Nothing but the lines below between the line holding "#115=IFCINDEXEDPOLYGONALFACE((29,35,91,85));" and the line holding "#125=IFCINDEXEDPOLYGONALFACE((39,95,97,41));", inclusive, should appear in the answer, each set down exactly.

-- -- --

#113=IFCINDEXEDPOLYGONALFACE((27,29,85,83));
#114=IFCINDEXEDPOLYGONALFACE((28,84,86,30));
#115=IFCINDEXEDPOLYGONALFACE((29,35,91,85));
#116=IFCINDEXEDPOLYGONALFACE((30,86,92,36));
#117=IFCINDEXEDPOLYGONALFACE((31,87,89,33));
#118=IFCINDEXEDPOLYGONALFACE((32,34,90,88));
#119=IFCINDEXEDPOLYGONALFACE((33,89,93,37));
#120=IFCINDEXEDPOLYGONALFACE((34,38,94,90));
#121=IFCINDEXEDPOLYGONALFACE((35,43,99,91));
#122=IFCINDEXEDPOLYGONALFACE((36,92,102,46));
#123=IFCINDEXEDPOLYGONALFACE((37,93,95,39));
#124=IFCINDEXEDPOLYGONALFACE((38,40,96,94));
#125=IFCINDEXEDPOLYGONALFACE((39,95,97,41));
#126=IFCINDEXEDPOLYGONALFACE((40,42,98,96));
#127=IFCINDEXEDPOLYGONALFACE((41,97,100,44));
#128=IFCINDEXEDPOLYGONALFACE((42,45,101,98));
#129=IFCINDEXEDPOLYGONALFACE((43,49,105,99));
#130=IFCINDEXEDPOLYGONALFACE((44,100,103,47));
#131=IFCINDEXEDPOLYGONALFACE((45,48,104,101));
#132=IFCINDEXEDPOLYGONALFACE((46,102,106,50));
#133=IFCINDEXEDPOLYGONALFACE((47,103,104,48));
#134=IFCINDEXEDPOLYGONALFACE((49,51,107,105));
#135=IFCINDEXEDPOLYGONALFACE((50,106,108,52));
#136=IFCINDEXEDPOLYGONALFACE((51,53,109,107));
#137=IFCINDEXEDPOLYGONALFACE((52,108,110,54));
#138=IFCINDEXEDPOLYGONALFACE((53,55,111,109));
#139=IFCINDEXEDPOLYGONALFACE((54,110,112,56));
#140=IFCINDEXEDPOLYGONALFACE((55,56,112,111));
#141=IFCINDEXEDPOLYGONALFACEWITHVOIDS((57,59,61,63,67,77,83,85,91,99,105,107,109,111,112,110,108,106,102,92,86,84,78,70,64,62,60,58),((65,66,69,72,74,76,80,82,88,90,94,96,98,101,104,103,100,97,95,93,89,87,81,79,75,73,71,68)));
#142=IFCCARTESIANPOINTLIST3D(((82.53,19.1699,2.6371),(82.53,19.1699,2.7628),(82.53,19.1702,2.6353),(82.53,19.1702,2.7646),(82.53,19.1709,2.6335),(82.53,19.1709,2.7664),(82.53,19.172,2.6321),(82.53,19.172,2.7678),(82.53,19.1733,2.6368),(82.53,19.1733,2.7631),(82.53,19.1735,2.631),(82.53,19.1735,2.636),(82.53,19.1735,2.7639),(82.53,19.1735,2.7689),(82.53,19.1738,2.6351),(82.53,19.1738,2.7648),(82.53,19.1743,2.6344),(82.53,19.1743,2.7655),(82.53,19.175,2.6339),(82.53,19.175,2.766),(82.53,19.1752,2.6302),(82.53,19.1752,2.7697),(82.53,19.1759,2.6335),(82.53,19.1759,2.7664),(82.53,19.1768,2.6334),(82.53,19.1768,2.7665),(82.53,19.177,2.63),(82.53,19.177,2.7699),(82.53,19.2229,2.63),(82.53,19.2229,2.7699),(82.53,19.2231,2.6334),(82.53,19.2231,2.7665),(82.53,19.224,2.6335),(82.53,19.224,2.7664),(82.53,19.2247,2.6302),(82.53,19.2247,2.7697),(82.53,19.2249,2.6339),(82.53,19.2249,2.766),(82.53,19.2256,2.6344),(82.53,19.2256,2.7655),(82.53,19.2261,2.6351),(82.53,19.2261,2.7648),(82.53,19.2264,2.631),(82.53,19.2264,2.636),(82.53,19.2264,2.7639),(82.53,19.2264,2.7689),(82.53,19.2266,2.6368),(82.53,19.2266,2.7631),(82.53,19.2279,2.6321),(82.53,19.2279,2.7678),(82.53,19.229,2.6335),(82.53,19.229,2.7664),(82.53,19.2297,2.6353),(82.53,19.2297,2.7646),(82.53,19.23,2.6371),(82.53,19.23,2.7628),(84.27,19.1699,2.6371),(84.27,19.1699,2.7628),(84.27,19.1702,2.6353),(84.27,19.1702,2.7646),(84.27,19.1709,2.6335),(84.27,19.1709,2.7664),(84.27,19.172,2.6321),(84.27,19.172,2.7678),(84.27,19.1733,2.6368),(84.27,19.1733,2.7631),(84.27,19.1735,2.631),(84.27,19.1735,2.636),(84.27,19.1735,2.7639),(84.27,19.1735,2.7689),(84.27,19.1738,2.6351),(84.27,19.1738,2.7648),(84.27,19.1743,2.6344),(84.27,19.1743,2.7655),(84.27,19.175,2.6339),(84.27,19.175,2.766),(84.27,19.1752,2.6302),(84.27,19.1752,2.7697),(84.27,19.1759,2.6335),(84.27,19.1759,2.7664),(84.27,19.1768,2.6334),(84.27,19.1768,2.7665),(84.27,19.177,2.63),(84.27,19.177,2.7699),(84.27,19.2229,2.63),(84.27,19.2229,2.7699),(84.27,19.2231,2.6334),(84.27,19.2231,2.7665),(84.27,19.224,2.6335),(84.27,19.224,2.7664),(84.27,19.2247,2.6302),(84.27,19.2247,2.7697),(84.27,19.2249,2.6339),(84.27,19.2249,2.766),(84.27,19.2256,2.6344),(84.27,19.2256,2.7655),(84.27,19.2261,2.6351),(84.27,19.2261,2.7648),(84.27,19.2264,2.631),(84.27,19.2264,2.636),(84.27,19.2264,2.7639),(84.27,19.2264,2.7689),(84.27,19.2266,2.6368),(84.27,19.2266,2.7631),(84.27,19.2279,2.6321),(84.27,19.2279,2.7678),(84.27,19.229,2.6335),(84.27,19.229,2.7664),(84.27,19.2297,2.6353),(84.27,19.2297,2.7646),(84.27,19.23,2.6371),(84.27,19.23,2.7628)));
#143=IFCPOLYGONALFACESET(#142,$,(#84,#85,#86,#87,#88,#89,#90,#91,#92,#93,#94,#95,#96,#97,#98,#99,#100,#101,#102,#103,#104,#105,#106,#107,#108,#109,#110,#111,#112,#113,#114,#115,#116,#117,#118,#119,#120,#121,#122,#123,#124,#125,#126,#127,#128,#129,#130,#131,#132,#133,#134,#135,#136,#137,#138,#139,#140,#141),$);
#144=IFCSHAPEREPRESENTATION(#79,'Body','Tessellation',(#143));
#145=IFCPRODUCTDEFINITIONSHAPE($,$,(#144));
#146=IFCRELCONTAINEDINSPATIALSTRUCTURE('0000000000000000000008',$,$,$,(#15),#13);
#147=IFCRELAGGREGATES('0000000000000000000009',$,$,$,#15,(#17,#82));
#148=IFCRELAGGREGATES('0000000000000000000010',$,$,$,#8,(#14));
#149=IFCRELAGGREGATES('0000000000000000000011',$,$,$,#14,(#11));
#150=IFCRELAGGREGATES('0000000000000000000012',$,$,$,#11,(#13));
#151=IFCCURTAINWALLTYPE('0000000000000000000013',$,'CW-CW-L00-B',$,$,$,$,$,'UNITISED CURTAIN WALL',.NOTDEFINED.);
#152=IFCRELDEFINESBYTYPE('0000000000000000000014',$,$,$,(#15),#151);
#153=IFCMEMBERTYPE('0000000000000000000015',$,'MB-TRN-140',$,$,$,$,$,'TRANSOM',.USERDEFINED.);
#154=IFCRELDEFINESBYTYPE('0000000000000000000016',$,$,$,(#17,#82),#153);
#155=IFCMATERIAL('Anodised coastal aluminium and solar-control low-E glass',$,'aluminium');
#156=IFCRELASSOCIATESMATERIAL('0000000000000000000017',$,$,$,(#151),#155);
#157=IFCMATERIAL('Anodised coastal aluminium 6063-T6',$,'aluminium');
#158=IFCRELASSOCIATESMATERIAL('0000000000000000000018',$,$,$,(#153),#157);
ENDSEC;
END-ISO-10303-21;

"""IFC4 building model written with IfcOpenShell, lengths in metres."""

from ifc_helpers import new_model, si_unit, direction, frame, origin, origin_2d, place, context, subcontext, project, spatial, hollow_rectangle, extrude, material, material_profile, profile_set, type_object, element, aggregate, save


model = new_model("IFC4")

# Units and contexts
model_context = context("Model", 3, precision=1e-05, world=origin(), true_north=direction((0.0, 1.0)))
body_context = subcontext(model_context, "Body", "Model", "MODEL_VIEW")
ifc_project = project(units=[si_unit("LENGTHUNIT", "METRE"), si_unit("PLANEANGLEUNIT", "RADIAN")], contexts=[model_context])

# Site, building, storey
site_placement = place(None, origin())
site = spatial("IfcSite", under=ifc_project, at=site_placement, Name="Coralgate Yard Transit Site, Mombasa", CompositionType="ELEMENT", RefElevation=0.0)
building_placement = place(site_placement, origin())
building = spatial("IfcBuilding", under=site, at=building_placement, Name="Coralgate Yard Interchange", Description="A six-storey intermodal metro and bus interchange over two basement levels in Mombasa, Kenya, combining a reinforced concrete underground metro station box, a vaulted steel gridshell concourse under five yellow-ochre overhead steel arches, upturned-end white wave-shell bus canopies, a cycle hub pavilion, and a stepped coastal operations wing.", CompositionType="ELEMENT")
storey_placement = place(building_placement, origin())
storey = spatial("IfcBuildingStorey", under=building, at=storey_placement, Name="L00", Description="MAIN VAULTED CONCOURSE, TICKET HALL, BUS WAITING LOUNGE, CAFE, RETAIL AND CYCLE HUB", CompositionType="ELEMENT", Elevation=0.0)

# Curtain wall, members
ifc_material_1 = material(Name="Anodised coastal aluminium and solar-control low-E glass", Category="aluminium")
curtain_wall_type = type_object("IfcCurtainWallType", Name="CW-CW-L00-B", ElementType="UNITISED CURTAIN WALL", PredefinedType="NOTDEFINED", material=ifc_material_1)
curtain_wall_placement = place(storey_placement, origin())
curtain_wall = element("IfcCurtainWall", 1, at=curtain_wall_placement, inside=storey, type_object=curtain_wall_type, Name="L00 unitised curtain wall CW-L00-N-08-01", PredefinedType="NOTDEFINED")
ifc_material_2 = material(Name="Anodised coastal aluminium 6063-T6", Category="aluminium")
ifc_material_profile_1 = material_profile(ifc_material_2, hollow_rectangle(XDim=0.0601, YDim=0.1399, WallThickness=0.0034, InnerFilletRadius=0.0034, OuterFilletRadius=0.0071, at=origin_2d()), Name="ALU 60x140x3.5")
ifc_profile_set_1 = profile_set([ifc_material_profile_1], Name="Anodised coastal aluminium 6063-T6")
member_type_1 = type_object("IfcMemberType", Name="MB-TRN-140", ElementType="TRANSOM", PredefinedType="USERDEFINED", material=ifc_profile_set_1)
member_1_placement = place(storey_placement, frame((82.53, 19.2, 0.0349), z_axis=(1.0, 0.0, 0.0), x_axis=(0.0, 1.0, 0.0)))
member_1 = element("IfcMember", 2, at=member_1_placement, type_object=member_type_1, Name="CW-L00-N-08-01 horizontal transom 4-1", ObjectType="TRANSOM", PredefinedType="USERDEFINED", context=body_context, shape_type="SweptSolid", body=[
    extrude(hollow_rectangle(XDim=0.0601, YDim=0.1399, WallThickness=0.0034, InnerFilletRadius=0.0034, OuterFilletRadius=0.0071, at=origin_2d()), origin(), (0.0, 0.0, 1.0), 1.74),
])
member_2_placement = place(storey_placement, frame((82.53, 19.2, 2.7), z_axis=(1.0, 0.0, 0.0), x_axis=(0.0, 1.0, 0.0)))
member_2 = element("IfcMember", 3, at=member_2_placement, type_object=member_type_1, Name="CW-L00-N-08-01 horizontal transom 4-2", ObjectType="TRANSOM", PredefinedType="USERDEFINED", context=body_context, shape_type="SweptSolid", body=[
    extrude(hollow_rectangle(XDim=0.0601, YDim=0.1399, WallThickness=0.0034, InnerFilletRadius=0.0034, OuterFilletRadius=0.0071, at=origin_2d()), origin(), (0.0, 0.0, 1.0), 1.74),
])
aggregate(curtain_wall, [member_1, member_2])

-- -- --

RESULT:
#115=IFCINDEXEDPOLYGONALFACE((29,35,91,85));
#116=IFCINDEXEDPOLYGONALFACE((30,86,92,36));
#117=IFCINDEXEDPOLYGONALFACE((31,87,89,33));
#118=IFCINDEXEDPOLYGONALFACE((32,34,90,88));
#119=IFCINDEXEDPOLYGONALFACE((33,89,93,37));
#120=IFCINDEXEDPOLYGONALFACE((34,38,94,90));
#121=IFCINDEXEDPOLYGONALFACE((35,43,99,91));
#122=IFCINDEXEDPOLYGONALFACE((36,92,102,46));
#123=IFCINDEXEDPOLYGONALFACE((37,93,95,39));
#124=IFCINDEXEDPOLYGONALFACE((38,40,96,94));
#125=IFCINDEXEDPOLYGONALFACE((39,95,97,41));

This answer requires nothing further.